_DIRECTIONS_
Of all the lines below, return only those starting with the line holding "#63=IFCLOCALPLACEMENT(#14,#2);" and going on through the line holding "#71=IFCPOLYGONALFACESET(#70,$,(#64,#65,#66,#67,#68,#69),$);", exactly as written.
[THE RECORDS Boundary: Start]
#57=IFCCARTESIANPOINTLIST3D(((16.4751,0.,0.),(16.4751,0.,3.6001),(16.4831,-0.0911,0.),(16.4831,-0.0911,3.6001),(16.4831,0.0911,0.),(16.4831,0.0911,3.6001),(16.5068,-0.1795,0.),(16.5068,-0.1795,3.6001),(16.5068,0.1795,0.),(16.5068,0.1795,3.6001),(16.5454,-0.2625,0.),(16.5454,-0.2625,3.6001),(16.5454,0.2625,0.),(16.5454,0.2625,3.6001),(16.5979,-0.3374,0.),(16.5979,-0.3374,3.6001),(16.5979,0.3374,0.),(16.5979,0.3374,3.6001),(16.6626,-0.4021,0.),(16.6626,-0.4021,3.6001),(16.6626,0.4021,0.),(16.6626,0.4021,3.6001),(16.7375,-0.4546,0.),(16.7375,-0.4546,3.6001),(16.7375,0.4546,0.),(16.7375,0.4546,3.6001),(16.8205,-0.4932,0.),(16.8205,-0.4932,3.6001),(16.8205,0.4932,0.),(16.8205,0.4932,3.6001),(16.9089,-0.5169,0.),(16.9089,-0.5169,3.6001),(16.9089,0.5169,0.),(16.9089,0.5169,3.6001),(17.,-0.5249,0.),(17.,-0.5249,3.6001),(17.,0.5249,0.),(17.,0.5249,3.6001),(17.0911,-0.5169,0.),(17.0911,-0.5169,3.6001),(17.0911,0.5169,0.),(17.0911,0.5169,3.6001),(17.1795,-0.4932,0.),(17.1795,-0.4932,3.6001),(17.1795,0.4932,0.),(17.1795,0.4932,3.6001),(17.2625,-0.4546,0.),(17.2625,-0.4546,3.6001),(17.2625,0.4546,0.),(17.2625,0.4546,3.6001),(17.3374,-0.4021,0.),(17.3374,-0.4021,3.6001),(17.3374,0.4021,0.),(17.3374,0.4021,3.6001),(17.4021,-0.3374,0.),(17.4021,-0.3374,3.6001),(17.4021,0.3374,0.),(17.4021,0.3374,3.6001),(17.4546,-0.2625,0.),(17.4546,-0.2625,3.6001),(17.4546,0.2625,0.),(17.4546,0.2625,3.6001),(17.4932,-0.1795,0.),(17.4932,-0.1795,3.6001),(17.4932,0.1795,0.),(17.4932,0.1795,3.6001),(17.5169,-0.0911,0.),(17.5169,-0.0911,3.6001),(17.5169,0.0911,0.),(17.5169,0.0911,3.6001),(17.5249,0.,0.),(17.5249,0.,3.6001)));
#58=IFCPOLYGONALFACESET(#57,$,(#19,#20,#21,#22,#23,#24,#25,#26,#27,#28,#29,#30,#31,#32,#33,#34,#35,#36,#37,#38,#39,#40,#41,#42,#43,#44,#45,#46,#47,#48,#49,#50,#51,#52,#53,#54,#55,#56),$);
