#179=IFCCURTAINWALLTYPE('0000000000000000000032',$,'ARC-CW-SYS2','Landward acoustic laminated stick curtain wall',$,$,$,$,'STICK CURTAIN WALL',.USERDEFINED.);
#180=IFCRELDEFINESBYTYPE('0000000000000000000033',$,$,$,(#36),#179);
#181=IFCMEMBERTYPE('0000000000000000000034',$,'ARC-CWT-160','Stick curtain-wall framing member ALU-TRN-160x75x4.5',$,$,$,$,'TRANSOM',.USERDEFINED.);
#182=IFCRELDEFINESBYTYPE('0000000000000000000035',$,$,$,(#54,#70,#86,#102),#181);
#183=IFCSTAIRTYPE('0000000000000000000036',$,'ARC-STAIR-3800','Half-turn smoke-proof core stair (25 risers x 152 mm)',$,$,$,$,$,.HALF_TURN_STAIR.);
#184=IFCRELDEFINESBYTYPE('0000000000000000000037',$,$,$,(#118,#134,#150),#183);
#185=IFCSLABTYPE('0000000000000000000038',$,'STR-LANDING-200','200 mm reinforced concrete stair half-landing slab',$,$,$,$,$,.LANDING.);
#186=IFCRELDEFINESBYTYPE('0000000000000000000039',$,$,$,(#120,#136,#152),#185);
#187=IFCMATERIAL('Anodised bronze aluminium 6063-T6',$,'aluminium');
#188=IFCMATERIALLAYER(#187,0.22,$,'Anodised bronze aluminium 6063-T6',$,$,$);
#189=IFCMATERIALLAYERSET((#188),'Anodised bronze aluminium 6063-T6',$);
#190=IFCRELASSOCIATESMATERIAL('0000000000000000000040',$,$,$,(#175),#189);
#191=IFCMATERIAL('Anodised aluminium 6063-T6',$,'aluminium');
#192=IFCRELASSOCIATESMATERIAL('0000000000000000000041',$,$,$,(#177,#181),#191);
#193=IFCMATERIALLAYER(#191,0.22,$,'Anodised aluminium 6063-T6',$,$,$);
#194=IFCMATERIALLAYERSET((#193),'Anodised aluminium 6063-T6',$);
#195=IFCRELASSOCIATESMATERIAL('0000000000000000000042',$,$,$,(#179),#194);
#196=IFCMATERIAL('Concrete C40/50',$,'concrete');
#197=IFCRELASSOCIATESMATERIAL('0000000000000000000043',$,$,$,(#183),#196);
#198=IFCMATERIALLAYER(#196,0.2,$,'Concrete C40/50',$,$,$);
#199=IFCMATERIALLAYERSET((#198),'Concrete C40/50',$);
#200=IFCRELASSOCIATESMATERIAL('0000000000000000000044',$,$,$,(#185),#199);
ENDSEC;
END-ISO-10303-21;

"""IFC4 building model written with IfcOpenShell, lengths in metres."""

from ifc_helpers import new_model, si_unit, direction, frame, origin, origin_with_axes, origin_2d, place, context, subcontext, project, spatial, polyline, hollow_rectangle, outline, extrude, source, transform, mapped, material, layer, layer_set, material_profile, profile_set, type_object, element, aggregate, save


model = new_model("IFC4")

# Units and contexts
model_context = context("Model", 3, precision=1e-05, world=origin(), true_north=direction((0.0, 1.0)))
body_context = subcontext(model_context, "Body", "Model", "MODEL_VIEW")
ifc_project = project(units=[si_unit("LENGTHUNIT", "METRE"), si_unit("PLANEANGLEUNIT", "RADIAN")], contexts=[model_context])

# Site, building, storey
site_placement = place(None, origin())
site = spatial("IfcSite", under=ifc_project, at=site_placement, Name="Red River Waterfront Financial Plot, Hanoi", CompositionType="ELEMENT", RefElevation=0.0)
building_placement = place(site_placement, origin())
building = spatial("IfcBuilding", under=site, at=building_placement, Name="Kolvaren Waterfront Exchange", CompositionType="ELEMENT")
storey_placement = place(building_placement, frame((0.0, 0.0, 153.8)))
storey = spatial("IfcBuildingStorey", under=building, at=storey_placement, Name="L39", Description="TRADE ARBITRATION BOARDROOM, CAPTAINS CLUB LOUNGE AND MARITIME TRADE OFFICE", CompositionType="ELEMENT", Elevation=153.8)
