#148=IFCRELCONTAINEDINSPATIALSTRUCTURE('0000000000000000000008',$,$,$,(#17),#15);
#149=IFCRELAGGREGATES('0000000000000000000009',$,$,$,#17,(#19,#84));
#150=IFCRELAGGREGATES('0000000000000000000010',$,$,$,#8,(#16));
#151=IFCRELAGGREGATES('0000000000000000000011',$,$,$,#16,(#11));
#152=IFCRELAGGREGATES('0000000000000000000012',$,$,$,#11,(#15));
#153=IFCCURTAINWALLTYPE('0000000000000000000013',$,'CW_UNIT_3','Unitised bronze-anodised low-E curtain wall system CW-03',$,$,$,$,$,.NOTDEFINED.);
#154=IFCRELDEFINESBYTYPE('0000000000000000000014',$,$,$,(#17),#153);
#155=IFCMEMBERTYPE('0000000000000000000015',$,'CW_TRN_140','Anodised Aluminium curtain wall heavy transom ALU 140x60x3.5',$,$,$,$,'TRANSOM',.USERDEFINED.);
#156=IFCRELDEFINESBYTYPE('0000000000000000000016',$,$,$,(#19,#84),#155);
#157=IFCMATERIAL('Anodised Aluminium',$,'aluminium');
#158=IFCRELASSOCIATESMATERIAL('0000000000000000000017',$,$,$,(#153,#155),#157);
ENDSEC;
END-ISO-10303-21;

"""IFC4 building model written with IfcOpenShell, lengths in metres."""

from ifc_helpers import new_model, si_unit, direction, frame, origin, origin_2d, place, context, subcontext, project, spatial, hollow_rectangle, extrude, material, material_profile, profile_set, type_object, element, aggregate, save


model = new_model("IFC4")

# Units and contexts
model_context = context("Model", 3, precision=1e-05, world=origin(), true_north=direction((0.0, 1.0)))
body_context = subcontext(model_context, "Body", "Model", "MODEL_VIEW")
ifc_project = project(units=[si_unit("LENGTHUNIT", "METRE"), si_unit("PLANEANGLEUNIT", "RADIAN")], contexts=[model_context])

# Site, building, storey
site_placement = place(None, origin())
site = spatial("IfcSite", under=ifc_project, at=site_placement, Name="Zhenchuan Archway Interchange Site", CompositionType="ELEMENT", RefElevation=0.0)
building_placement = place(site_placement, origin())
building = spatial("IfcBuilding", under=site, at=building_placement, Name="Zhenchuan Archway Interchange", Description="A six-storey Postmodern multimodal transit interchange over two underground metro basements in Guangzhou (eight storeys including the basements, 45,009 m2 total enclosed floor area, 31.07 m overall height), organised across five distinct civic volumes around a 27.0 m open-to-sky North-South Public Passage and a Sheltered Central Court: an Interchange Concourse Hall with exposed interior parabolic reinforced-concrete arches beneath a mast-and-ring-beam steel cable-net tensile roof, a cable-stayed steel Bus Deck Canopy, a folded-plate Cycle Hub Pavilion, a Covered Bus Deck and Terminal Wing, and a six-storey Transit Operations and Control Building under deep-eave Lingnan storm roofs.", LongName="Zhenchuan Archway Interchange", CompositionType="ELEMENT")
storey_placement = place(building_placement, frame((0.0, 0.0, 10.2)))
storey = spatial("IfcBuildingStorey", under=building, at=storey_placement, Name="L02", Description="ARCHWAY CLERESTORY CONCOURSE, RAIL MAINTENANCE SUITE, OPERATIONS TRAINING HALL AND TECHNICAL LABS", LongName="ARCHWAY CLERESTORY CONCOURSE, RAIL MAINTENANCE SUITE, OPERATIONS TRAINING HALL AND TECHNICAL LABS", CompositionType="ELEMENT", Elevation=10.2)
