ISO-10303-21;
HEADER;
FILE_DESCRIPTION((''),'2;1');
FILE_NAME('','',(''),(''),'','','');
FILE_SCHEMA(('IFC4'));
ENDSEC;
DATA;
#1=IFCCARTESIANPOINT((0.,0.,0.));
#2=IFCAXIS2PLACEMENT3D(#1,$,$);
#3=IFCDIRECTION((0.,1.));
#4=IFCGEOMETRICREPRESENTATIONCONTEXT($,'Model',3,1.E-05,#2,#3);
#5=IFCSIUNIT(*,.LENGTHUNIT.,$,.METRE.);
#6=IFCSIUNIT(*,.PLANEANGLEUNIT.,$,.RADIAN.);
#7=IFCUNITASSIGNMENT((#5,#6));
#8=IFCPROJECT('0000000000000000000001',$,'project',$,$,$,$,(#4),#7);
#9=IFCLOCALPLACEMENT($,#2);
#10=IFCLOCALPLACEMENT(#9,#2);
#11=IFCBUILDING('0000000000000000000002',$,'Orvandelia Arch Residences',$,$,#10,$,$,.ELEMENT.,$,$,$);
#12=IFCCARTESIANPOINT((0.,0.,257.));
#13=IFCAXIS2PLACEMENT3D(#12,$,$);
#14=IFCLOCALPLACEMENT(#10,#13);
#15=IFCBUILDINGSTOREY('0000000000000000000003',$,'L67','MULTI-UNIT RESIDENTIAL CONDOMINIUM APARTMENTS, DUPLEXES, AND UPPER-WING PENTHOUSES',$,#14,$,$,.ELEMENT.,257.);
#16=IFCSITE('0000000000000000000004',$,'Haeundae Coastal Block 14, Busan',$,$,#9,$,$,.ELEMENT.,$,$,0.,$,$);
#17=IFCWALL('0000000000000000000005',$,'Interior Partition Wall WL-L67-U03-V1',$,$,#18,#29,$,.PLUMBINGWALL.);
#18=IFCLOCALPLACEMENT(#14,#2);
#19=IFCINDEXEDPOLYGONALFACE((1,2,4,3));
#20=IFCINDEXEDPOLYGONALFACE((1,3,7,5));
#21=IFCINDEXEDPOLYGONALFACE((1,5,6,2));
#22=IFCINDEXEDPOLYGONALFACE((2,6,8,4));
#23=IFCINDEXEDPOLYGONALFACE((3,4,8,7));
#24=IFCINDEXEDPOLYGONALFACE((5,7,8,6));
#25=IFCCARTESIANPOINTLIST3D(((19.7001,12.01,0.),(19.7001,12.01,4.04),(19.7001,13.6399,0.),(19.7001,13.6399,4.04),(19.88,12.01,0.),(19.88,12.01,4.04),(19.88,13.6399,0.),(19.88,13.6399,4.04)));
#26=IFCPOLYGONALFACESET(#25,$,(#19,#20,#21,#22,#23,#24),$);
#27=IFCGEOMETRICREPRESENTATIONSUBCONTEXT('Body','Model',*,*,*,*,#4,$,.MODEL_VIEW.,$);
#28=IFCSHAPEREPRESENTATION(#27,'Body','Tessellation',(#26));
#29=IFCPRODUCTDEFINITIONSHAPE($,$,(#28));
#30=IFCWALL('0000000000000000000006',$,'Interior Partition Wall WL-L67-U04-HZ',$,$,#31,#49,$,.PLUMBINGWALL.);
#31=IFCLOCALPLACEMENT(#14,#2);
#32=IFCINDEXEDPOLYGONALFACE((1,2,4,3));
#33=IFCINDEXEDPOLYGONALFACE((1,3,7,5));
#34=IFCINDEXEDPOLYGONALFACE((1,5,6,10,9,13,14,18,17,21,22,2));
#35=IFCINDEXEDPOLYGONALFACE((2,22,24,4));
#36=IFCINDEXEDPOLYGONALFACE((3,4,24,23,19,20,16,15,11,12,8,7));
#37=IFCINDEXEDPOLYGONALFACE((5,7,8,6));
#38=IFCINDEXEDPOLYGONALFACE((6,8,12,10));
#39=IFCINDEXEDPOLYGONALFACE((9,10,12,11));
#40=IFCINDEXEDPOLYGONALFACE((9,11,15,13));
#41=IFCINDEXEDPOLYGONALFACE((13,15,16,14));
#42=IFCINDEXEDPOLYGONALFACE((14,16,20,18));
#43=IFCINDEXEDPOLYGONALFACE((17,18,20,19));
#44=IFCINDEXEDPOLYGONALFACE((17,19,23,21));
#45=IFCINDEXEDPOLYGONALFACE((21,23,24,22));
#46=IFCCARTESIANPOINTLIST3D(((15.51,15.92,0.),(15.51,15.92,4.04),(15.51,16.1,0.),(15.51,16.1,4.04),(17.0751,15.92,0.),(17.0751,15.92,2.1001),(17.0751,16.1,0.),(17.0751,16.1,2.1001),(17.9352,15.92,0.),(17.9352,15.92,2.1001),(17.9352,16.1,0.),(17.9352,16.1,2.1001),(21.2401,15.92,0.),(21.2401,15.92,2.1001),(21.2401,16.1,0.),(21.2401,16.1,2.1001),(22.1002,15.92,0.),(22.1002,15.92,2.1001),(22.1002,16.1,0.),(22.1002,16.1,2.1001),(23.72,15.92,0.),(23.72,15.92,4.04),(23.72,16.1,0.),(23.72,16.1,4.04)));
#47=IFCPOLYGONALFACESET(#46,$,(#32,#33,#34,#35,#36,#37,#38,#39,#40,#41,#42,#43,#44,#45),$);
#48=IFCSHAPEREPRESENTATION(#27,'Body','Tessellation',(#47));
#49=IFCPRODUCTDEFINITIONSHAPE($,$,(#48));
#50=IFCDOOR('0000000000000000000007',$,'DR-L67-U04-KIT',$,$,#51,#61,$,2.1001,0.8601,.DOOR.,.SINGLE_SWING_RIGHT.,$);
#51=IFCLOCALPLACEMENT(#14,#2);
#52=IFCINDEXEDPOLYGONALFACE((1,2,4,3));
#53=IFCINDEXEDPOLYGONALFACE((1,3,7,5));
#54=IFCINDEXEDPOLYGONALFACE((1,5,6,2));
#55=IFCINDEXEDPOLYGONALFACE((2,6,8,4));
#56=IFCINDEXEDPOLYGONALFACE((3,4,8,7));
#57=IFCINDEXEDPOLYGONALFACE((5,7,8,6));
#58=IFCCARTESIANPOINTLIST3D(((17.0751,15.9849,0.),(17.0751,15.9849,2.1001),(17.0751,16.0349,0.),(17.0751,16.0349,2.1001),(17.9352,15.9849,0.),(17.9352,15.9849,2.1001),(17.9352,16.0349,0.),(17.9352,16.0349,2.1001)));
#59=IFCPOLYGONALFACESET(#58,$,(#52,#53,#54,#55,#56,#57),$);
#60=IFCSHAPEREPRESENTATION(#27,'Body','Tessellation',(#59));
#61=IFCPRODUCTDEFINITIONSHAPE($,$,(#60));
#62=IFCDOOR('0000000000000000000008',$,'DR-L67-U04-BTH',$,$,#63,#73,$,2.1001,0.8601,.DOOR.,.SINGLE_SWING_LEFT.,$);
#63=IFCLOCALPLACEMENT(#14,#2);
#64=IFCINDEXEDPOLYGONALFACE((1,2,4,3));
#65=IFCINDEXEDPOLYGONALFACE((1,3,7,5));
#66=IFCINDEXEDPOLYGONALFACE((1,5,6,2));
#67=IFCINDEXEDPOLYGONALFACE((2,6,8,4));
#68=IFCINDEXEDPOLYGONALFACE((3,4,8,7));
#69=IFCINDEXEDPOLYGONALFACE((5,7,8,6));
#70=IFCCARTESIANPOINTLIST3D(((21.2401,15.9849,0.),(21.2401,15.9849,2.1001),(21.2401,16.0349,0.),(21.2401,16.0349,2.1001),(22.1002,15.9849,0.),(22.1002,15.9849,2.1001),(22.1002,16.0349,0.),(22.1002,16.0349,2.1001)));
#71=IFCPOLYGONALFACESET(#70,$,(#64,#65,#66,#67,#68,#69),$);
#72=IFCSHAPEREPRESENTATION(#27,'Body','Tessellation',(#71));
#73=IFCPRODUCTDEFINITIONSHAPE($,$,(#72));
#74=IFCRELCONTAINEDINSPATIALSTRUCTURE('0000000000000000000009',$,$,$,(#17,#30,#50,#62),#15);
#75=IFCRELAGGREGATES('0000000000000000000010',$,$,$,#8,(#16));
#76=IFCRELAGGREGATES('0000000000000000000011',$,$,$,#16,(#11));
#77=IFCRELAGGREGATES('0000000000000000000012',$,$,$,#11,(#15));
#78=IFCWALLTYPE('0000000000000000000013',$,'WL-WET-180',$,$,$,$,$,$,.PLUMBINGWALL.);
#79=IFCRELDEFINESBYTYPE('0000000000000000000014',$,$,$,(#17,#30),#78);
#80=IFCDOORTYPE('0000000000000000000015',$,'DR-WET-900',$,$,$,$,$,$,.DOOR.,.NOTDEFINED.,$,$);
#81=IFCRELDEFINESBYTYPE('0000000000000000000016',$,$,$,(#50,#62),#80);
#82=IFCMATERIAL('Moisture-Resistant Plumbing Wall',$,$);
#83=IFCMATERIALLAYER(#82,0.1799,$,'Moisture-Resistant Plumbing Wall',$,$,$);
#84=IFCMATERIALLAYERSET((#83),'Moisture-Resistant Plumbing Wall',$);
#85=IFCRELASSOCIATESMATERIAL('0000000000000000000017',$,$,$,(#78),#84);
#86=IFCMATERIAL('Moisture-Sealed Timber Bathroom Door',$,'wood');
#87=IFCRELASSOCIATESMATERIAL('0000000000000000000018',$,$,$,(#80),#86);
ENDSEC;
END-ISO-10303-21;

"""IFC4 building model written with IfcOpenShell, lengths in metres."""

from ifc_helpers import new_model, si_unit, direction, frame, frame_2d, origin, place, context, subcontext, project, spatial, rectangle, extrude, material, layer, layer_set, type_object, element, fill, save


model = new_model("IFC4")

# Units and contexts
model_context = context("Model", 3, precision=1e-05, world=origin(), true_north=direction((0.0, 1.0)))
body_context = subcontext(model_context, "Body", "Model", "MODEL_VIEW")
ifc_project = project(units=[si_unit("LENGTHUNIT", "METRE"), si_unit("PLANEANGLEUNIT", "RADIAN")], contexts=[model_context])

# Site, building, storey
site_placement = place(None, origin())
site = spatial("IfcSite", under=ifc_project, at=site_placement, Name="Haeundae Coastal Block 14, Busan", CompositionType="ELEMENT", RefElevation=0.0)
building_placement = place(site_placement, origin())
building = spatial("IfcBuilding", under=site, at=building_placement, Name="Orvandelia Arch Residences", CompositionType="ELEMENT")
storey_placement = place(building_placement, frame((0.0, 0.0, 257.0)))
storey = spatial("IfcBuildingStorey", under=building, at=storey_placement, Name="L67", Description="MULTI-UNIT RESIDENTIAL CONDOMINIUM APARTMENTS, DUPLEXES, AND UPPER-WING PENTHOUSES", CompositionType="ELEMENT", Elevation=257.0)

# Shared definitions
ifc_material_1 = material(Name="Moisture-Resistant Plumbing Wall")
ifc_layer_1 = layer(ifc_material_1, 0.1799, Name="Moisture-Resistant Plumbing Wall")
ifc_layer_set_1 = layer_set([ifc_layer_1], Name="Moisture-Resistant Plumbing Wall")
wall_type_1 = type_object("IfcWallType", Name="WL-WET-180", PredefinedType="PLUMBINGWALL", material=ifc_layer_set_1)

# Shared definitions
ifc_material_2 = material(Name="Moisture-Sealed Timber Bathroom Door", Category="wood")
door_type_1 = type_object("IfcDoorType", Name="DR-WET-900", OperationType="NOTDEFINED", PredefinedType="DOOR", material=ifc_material_2)

# Wall
wall_1_placement = place(storey_placement, frame((19.79, 12.01, 0.0), z_axis=(0.0, 0.0, 1.0), x_axis=(0.0, 1.0, 0.0)))
element("IfcWall", 1, at=wall_1_placement, inside=storey, type_object=wall_type_1, Name="Interior Partition Wall WL-L67-U03-V1", PredefinedType="PLUMBINGWALL", context=body_context, shape_type="SweptSolid", body=[
    extrude(rectangle(XDim=1.6299, YDim=0.1799, at=frame_2d((0.8149, 0.0))), origin(), (0.0, 0.0, 1.0), 4.04),
])

# Wall, openings, doors
wall_2_placement = place(storey_placement, frame((15.51, 16.01, 0.0), z_axis=(0.0, 0.0, 1.0), x_axis=(1.0, 0.0, 0.0)))
wall_2 = element("IfcWall", 2, at=wall_2_placement, inside=storey, type_object=wall_type_1, Name="Interior Partition Wall WL-L67-U04-HZ", PredefinedType="PLUMBINGWALL", context=body_context, shape_type="SweptSolid", body=[
    extrude(rectangle(XDim=8.21, YDim=0.1799, at=frame_2d((4.105, 0.0))), origin(), (0.0, 0.0, 1.0), 4.04),
])
opening_1_placement = place(wall_2_placement, frame((1.5649, 0.0, 0.0)))
opening_1 = element("IfcOpeningElement", 3, at=opening_1_placement, cuts=wall_2, PredefinedType="OPENING", context=body_context, shape_type="SweptSolid", body=[
    extrude(rectangle(XDim=0.8601, YDim=2.1001, at=frame_2d((0.4302, 1.05))), frame((0.0, 0.1001, 0.0), z_axis=(0.0, -1.0, 0.0), x_axis=(1.0, 0.0, 0.0)), (0.0, 0.0, 1.0), 0.2),
])
opening_2_placement = place(wall_2_placement, frame((5.73, 0.0, 0.0)))
opening_2 = element("IfcOpeningElement", 4, at=opening_2_placement, cuts=wall_2, PredefinedType="OPENING", context=body_context, shape_type="SweptSolid", body=[
    extrude(rectangle(XDim=0.8601, YDim=2.1001, at=frame_2d((0.4302, 1.05))), frame((0.0, 0.1001, 0.0), z_axis=(0.0, -1.0, 0.0), x_axis=(1.0, 0.0, 0.0)), (0.0, 0.0, 1.0), 0.2),
])
door_1_placement = place(opening_1_placement, origin())
door_1 = element("IfcDoor", 5, at=door_1_placement, inside=storey, type_object=door_type_1, Name="DR-L67-U04-KIT", OperationType="SINGLE_SWING_RIGHT", OverallHeight=2.1001, OverallWidth=0.8601, PredefinedType="DOOR", context=body_context, shape_type="SweptSolid", body=[
    extrude(rectangle(XDim=0.8601, YDim=2.1001, at=frame_2d((0.4302, 1.05))), frame((0.0, 0.0249, 0.0), z_axis=(0.0, -1.0, 0.0), x_axis=(1.0, 0.0, 0.0)), (0.0, 0.0, 1.0), 0.05),
])
fill(opening_1, door_1)
door_2_placement = place(opening_2_placement, origin())
door_2 = element("IfcDoor", 6, at=door_2_placement, inside=storey, type_object=door_type_1, Name="DR-L67-U04-BTH", OperationType="SINGLE_SWING_LEFT", OverallHeight=2.1001, OverallWidth=0.8601, PredefinedType="DOOR", context=body_context, shape_type="SweptSolid", body=[
    extrude(rectangle(XDim=0.8601, YDim=2.1001, at=frame_2d((0.4302, 1.05))), frame((0.0, 0.0249, 0.0), z_axis=(0.0, -1.0, 0.0), x_axis=(1.0, 0.0, 0.0)), (0.0, 0.0, 1.0), 0.05),
])
fill(opening_2, door_2)

save(model, "model.ifc")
[THE RECORDS Boundary: End]
_RESULT OF THIS EXERCISE_
#63=IFCLOCALPLACEMENT(#14,#2);
#64=IFCINDEXEDPOLYGONALFACE((1,2,4,3));
#65=IFCINDEXEDPOLYGONALFACE((1,3,7,5));
#66=IFCINDEXEDPOLYGONALFACE((1,5,6,2));
#67=IFCINDEXEDPOLYGONALFACE((2,6,8,4));
#68=IFCINDEXEDPOLYGONALFACE((3,4,8,7));
#69=IFCINDEXEDPOLYGONALFACE((5,7,8,6));
#70=IFCCARTESIANPOINTLIST3D(((21.2401,15.9849,0.),(21.2401,15.9849,2.1001),(21.2401,16.0349,0.),(21.2401,16.0349,2.1001),(22.1002,15.9849,0.),(22.1002,15.9849,2.1001),(22.1002,16.0349,0.),(22.1002,16.0349,2.1001)));
#71=IFCPOLYGONALFACESET(#70,$,(#64,#65,#66,#67,#68,#69),$);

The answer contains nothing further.